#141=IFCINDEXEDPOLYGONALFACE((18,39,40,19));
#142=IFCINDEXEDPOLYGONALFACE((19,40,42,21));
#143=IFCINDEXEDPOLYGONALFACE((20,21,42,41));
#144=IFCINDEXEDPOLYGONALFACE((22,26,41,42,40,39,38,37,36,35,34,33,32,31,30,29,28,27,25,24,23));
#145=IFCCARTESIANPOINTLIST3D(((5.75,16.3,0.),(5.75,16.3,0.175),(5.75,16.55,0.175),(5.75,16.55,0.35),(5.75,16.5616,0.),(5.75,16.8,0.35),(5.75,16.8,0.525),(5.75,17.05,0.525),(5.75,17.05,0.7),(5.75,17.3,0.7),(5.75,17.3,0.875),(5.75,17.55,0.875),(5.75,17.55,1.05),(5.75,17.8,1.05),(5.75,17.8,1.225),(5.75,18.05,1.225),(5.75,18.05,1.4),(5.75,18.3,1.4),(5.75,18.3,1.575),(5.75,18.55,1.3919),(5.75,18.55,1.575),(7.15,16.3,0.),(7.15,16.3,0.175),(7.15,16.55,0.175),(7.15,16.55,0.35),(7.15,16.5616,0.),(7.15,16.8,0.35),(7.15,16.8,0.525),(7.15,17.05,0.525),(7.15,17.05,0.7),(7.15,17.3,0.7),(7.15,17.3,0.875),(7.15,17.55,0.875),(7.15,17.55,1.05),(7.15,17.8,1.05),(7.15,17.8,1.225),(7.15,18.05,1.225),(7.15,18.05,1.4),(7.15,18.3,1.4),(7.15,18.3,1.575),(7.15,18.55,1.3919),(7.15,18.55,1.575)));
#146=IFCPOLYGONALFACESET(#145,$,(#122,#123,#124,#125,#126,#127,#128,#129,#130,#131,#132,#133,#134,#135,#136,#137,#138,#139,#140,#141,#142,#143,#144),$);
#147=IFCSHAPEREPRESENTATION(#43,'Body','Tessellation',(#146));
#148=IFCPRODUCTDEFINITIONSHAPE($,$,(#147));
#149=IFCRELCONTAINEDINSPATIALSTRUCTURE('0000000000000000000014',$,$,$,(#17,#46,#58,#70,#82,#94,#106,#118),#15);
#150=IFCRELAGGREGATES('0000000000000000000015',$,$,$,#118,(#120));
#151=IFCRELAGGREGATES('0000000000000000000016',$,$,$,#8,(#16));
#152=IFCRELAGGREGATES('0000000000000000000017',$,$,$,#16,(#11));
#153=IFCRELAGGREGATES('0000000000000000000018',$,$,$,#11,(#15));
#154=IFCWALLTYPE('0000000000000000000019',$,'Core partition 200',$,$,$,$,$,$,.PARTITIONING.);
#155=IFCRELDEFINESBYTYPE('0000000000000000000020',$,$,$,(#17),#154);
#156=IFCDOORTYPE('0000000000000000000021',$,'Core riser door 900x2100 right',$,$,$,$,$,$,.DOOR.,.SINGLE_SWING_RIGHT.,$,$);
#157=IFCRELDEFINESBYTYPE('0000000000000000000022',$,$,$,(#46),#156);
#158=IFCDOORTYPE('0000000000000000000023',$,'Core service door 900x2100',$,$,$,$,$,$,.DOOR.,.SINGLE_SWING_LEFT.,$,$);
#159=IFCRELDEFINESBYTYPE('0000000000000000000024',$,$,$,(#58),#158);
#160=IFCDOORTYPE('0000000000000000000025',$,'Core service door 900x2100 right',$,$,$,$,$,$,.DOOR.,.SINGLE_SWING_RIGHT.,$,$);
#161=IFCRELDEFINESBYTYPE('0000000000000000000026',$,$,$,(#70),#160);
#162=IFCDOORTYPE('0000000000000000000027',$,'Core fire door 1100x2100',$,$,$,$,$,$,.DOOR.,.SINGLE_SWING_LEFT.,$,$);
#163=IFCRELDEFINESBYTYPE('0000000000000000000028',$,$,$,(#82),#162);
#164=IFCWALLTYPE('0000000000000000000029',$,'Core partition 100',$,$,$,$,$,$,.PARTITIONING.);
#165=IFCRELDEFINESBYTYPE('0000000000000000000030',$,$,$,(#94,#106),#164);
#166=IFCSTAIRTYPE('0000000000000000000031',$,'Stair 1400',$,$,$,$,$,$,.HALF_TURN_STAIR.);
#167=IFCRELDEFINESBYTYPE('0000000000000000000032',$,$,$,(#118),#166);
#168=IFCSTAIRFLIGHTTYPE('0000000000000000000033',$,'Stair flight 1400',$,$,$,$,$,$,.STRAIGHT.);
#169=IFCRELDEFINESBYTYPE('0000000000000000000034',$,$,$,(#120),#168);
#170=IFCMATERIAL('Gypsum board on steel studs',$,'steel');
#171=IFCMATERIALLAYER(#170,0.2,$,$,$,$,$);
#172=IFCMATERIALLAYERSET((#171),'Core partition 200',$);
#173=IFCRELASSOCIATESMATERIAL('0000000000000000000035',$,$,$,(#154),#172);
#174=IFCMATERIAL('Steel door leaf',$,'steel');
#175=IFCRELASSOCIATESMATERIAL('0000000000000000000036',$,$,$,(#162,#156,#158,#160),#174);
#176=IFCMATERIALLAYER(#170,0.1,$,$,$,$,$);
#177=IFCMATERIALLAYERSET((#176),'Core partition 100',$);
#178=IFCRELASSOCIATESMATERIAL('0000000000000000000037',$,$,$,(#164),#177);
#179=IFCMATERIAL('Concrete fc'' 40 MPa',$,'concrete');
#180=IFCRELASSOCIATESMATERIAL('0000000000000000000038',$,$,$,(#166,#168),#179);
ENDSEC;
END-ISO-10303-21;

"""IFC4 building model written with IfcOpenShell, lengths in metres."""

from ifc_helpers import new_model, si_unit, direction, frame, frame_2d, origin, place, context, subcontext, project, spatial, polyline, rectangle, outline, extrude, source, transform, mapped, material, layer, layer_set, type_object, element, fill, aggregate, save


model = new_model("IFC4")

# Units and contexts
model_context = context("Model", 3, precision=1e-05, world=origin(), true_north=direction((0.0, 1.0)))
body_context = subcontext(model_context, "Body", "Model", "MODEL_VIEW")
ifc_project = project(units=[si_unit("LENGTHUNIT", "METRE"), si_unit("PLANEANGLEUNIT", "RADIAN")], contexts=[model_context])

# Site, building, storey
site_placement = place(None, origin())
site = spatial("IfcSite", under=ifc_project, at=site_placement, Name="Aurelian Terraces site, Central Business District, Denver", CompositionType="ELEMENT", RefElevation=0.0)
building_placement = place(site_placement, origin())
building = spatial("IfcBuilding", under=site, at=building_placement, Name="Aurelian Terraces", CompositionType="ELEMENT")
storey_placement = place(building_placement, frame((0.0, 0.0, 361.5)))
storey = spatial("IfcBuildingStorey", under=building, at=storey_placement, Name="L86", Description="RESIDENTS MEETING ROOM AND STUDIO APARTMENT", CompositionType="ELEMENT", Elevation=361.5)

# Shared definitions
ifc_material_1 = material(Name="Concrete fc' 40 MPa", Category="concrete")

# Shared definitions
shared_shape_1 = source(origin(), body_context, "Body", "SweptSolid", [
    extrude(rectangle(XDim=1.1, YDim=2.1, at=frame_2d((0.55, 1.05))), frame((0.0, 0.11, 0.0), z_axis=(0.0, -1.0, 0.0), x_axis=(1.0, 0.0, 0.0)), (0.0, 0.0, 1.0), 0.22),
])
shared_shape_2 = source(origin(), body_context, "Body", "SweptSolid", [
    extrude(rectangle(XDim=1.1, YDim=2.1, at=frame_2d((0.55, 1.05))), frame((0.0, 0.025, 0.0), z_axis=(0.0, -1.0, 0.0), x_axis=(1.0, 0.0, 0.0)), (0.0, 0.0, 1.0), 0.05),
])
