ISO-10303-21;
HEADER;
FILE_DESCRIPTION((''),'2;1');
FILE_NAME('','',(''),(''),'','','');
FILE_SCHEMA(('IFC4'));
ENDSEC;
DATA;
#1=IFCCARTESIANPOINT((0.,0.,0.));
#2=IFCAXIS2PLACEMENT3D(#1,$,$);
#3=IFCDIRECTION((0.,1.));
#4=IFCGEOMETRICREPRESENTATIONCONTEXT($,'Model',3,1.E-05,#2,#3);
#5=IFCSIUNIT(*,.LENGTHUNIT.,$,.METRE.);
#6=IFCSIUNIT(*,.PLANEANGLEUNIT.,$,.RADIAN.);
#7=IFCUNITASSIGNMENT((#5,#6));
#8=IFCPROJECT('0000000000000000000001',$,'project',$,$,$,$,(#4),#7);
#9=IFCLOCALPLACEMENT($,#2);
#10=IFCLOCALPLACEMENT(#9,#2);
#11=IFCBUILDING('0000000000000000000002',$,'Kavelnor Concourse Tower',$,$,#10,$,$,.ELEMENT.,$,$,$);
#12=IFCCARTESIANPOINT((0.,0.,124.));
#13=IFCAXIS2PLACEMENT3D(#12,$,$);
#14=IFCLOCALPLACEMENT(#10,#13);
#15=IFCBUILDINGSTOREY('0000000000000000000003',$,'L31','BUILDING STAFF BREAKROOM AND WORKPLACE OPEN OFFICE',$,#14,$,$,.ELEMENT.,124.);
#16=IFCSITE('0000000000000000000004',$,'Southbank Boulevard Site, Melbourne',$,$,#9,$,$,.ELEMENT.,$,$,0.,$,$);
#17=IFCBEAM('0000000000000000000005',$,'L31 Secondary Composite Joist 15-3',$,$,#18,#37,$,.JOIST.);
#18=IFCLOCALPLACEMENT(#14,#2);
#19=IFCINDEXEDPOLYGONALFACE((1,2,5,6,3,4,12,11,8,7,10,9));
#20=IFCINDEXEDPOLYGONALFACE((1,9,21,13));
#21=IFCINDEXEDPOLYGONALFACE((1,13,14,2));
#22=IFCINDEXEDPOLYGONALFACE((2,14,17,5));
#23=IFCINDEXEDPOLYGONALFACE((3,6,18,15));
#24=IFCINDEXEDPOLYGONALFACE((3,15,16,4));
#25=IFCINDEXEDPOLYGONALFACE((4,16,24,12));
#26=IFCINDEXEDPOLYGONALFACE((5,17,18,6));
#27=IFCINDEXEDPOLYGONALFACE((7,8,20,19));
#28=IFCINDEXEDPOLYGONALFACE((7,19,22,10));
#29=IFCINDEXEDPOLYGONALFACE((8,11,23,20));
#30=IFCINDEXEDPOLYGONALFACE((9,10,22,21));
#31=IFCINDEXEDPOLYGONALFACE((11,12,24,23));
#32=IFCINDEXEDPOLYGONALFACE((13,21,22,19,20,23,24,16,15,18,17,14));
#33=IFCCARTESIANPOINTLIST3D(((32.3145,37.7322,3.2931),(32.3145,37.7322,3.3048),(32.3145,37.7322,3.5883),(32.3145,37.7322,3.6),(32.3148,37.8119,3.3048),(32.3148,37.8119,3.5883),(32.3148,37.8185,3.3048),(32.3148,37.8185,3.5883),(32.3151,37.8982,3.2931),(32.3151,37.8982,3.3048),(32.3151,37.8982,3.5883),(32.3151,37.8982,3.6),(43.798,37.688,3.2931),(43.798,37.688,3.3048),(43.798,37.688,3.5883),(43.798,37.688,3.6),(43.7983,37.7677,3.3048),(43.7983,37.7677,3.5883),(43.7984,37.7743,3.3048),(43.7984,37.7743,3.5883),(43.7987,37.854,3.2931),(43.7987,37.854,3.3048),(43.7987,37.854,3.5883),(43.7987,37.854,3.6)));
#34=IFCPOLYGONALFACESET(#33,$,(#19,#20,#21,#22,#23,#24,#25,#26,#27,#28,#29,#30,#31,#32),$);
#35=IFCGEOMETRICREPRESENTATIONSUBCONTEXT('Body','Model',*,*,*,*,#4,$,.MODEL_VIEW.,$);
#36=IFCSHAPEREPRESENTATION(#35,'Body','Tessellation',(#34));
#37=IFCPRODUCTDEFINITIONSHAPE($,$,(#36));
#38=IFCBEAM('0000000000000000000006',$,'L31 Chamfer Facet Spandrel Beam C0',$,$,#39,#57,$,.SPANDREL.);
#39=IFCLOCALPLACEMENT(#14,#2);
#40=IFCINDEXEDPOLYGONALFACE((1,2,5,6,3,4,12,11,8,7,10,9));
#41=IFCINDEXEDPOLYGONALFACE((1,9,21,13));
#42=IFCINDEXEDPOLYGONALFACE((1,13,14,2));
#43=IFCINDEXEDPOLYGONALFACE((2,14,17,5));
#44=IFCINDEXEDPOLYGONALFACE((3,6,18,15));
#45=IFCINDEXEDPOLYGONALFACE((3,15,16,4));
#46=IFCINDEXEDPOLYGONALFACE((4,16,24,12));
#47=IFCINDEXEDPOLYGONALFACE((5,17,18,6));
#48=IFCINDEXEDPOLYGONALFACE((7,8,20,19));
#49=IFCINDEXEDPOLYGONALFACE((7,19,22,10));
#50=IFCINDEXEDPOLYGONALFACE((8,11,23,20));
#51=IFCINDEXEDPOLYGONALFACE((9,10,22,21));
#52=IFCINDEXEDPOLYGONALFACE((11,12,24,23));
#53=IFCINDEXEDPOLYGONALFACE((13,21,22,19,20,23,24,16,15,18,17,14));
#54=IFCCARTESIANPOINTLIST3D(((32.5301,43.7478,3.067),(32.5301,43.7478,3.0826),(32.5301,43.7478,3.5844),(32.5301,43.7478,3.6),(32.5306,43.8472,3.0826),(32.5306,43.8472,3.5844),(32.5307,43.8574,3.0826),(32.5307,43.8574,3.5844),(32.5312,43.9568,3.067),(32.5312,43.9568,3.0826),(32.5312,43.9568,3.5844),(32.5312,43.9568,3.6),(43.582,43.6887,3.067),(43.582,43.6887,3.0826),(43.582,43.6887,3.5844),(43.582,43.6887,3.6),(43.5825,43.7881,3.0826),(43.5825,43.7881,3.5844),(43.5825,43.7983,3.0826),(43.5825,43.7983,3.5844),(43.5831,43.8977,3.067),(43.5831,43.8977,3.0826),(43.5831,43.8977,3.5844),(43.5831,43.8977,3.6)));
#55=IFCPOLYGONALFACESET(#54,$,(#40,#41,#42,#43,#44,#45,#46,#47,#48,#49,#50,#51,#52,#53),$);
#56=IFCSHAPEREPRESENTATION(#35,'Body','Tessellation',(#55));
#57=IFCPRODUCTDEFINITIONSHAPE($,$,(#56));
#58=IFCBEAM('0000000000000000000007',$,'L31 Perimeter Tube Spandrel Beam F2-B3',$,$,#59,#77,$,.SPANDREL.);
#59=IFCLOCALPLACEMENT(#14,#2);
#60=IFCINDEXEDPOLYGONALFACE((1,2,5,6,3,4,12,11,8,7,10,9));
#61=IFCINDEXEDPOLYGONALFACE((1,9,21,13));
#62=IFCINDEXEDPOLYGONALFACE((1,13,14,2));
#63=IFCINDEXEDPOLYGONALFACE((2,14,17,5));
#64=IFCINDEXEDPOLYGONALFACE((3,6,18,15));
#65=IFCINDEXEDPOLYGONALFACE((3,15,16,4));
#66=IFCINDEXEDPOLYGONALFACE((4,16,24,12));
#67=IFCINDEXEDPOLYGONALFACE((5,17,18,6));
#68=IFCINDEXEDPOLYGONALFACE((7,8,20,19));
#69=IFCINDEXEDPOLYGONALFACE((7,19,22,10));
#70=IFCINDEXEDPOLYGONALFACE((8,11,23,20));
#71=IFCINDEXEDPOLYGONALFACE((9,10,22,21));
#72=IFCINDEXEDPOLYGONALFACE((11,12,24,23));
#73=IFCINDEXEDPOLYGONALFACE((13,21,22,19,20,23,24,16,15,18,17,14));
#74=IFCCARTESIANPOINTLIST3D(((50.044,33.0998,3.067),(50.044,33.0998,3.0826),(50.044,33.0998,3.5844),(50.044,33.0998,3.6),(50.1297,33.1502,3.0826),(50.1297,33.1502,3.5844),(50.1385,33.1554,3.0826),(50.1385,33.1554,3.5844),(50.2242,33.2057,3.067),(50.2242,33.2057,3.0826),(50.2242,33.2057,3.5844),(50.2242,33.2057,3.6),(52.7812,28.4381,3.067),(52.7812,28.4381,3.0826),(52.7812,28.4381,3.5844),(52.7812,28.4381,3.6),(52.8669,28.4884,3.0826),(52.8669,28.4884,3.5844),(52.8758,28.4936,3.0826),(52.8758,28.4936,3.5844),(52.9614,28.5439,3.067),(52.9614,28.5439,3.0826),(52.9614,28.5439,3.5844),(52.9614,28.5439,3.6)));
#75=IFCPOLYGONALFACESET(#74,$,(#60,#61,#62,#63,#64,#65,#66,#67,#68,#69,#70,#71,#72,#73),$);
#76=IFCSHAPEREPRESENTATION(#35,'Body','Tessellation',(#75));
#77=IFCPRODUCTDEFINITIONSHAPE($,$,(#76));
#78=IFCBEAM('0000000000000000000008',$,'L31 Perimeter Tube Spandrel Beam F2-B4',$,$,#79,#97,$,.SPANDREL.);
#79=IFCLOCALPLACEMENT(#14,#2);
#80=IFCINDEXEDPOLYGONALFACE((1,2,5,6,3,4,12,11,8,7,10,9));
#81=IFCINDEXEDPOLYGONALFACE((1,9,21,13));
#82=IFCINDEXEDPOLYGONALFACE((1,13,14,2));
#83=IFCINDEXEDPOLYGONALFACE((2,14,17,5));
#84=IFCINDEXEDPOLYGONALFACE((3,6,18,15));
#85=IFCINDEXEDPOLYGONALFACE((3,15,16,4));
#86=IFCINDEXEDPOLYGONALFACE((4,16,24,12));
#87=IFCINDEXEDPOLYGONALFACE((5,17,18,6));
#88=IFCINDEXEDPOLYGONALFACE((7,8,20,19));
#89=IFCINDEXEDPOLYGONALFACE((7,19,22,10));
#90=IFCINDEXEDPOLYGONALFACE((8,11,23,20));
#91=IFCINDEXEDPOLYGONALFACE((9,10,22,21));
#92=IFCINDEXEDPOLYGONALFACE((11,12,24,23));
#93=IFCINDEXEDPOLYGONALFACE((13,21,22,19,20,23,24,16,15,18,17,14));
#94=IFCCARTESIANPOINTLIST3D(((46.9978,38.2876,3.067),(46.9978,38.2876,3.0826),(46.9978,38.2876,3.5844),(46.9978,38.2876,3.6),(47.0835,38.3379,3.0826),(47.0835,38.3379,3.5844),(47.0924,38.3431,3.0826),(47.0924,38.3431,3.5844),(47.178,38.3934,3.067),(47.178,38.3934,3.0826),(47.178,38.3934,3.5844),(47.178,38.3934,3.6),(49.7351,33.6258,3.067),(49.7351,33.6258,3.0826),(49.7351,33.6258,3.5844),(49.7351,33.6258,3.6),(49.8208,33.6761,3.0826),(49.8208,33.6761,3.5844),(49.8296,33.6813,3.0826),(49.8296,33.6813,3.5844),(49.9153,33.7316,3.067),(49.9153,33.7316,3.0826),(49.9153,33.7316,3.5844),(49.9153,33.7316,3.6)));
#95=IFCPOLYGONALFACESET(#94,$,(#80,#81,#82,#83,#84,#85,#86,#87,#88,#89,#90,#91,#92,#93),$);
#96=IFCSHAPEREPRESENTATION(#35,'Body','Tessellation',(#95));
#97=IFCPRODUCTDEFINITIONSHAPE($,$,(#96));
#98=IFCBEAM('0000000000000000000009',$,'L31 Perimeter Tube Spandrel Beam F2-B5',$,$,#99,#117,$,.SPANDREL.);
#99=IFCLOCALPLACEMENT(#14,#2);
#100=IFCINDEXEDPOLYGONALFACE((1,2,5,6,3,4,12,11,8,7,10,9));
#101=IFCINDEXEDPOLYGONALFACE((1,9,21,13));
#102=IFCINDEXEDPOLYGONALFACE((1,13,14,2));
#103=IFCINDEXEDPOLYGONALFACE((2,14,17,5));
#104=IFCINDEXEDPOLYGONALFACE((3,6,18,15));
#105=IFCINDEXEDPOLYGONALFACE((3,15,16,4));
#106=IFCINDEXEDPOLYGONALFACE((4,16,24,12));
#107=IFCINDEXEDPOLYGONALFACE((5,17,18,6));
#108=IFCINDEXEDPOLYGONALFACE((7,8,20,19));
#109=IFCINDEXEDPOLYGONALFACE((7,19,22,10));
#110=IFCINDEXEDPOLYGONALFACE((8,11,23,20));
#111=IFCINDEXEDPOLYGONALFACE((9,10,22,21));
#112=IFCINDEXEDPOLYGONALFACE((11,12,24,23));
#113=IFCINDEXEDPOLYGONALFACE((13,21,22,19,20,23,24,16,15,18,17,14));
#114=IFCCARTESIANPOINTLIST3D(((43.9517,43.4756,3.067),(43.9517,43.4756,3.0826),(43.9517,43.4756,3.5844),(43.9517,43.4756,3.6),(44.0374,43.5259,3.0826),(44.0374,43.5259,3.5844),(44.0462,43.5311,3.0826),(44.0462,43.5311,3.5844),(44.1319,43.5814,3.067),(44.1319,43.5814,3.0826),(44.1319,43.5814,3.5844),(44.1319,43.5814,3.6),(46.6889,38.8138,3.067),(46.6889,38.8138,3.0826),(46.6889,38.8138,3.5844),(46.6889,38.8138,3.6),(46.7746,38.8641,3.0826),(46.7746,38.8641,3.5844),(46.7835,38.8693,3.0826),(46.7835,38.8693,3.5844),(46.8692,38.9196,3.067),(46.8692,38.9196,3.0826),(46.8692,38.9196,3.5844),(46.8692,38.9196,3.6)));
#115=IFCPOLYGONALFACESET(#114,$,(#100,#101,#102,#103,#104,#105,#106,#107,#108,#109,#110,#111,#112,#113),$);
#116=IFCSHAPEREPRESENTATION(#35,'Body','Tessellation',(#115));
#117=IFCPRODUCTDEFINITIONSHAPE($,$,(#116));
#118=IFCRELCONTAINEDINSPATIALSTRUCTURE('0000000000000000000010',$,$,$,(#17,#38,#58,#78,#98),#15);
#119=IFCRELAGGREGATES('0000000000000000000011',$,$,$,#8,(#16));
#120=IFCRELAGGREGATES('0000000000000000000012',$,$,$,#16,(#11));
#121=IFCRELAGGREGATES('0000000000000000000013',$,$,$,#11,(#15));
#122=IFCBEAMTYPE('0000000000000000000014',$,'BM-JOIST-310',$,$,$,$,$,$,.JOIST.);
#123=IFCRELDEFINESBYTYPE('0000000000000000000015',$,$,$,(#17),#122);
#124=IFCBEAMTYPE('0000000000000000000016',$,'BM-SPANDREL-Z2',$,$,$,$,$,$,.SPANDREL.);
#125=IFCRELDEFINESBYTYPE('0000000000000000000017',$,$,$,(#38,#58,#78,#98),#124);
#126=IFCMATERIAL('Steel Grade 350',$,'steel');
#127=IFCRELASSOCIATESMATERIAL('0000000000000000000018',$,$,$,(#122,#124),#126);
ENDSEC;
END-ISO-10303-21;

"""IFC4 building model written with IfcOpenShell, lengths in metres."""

from ifc_helpers import new_model, si_unit, direction, frame, origin, origin_2d, place, context, subcontext, project, spatial, i_section, extrude, material, material_profile, profile_set, type_object, element, save


model = new_model("IFC4")

# Units and contexts
model_context = context("Model", 3, precision=1e-05, world=origin(), true_north=direction((0.0, 1.0)))
body_context = subcontext(model_context, "Body", "Model", "MODEL_VIEW")
ifc_project = project(units=[si_unit("LENGTHUNIT", "METRE"), si_unit("PLANEANGLEUNIT", "RADIAN")], contexts=[model_context])

# Site, building, storey
site_placement = place(None, origin())
site = spatial("IfcSite", under=ifc_project, at=site_placement, Name="Southbank Boulevard Site, Melbourne", CompositionType="ELEMENT", RefElevation=0.0)
building_placement = place(site_placement, origin())
building = spatial("IfcBuilding", under=site, at=building_placement, Name="Kavelnor Concourse Tower", CompositionType="ELEMENT")
storey_placement = place(building_placement, frame((0.0, 0.0, 124.0)))
storey = spatial("IfcBuildingStorey", under=building, at=storey_placement, Name="L31", Description="BUILDING STAFF BREAKROOM AND WORKPLACE OPEN OFFICE", CompositionType="ELEMENT", Elevation=124.0)

# Shared definitions
ifc_material_1 = material(Name="Steel Grade 350", Category="steel")

# Beams
ifc_material_profile_1 = material_profile(ifc_material_1, i_section(OverallWidth=0.166, OverallDepth=0.3069, WebThickness=0.0066, FlangeThickness=0.0117, at=origin_2d()), Name="310UB46")
ifc_profile_set_1 = profile_set([ifc_material_profile_1], Name="Steel Grade 350")
beam_type_1 = type_object("IfcBeamType", Name="BM-JOIST-310", PredefinedType="JOIST", material=ifc_profile_set_1)
for number, where, z_axis, x_axis, name in (
    (1, (43.7983, 37.771, 3.4465), (-0.999993, 0.003848, 0.0), (-0.003848, -0.999993, 0.0), "L31 Secondary Composite Joist 15-3"),
):
    element("IfcBeam", number, at=place(storey_placement, frame(where, z_axis=z_axis, x_axis=x_axis)), inside=storey, type_object=beam_type_1, Name=name, PredefinedType="JOIST", context=body_context, shape_type="SweptSolid", body=[
        extrude(i_section(OverallWidth=0.166, OverallDepth=0.3069, WebThickness=0.0066, FlangeThickness=0.0117, at=origin_2d()), origin(), (0.0, 0.0, 1.0), 11.4836),
    ])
----
From the top of the material above, please transcribe each line exactly. Include the line with "#151=IFCRELAGGREGATES('0000000000000000000016',$,$,$,#8,(#16));" and end there.

#141=IFCINDEXEDPOLYGONALFACE((18,39,40,19));
#142=IFCINDEXEDPOLYGONALFACE((19,40,42,21));
#143=IFCINDEXEDPOLYGONALFACE((20,21,42,41));
#144=IFCINDEXEDPOLYGONALFACE((22,26,41,42,40,39,38,37,36,35,34,33,32,31,30,29,28,27,25,24,23));
#145=IFCCARTESIANPOINTLIST3D(((5.75,16.3,0.),(5.75,16.3,0.175),(5.75,16.55,0.175),(5.75,16.55,0.35),(5.75,16.5616,0.),(5.75,16.8,0.35),(5.75,16.8,0.525),(5.75,17.05,0.525),(5.75,17.05,0.7),(5.75,17.3,0.7),(5.75,17.3,0.875),(5.75,17.55,0.875),(5.75,17.55,1.05),(5.75,17.8,1.05),(5.75,17.8,1.225),(5.75,18.05,1.225),(5.75,18.05,1.4),(5.75,18.3,1.4),(5.75,18.3,1.575),(5.75,18.55,1.3919),(5.75,18.55,1.575),(7.15,16.3,0.),(7.15,16.3,0.175),(7.15,16.55,0.175),(7.15,16.55,0.35),(7.15,16.5616,0.),(7.15,16.8,0.35),(7.15,16.8,0.525),(7.15,17.05,0.525),(7.15,17.05,0.7),(7.15,17.3,0.7),(7.15,17.3,0.875),(7.15,17.55,0.875),(7.15,17.55,1.05),(7.15,17.8,1.05),(7.15,17.8,1.225),(7.15,18.05,1.225),(7.15,18.05,1.4),(7.15,18.3,1.4),(7.15,18.3,1.575),(7.15,18.55,1.3919),(7.15,18.55,1.575)));
#146=IFCPOLYGONALFACESET(#145,$,(#122,#123,#124,#125,#126,#127,#128,#129,#130,#131,#132,#133,#134,#135,#136,#137,#138,#139,#140,#141,#142,#143,#144),$);
#147=IFCSHAPEREPRESENTATION(#43,'Body','Tessellation',(#146));
#148=IFCPRODUCTDEFINITIONSHAPE($,$,(#147));
#149=IFCRELCONTAINEDINSPATIALSTRUCTURE('0000000000000000000014',$,$,$,(#17,#46,#58,#70,#82,#94,#106,#118),#15);
#150=IFCRELAGGREGATES('0000000000000000000015',$,$,$,#118,(#120));
#151=IFCRELAGGREGATES('0000000000000000000016',$,$,$,#8,(#16));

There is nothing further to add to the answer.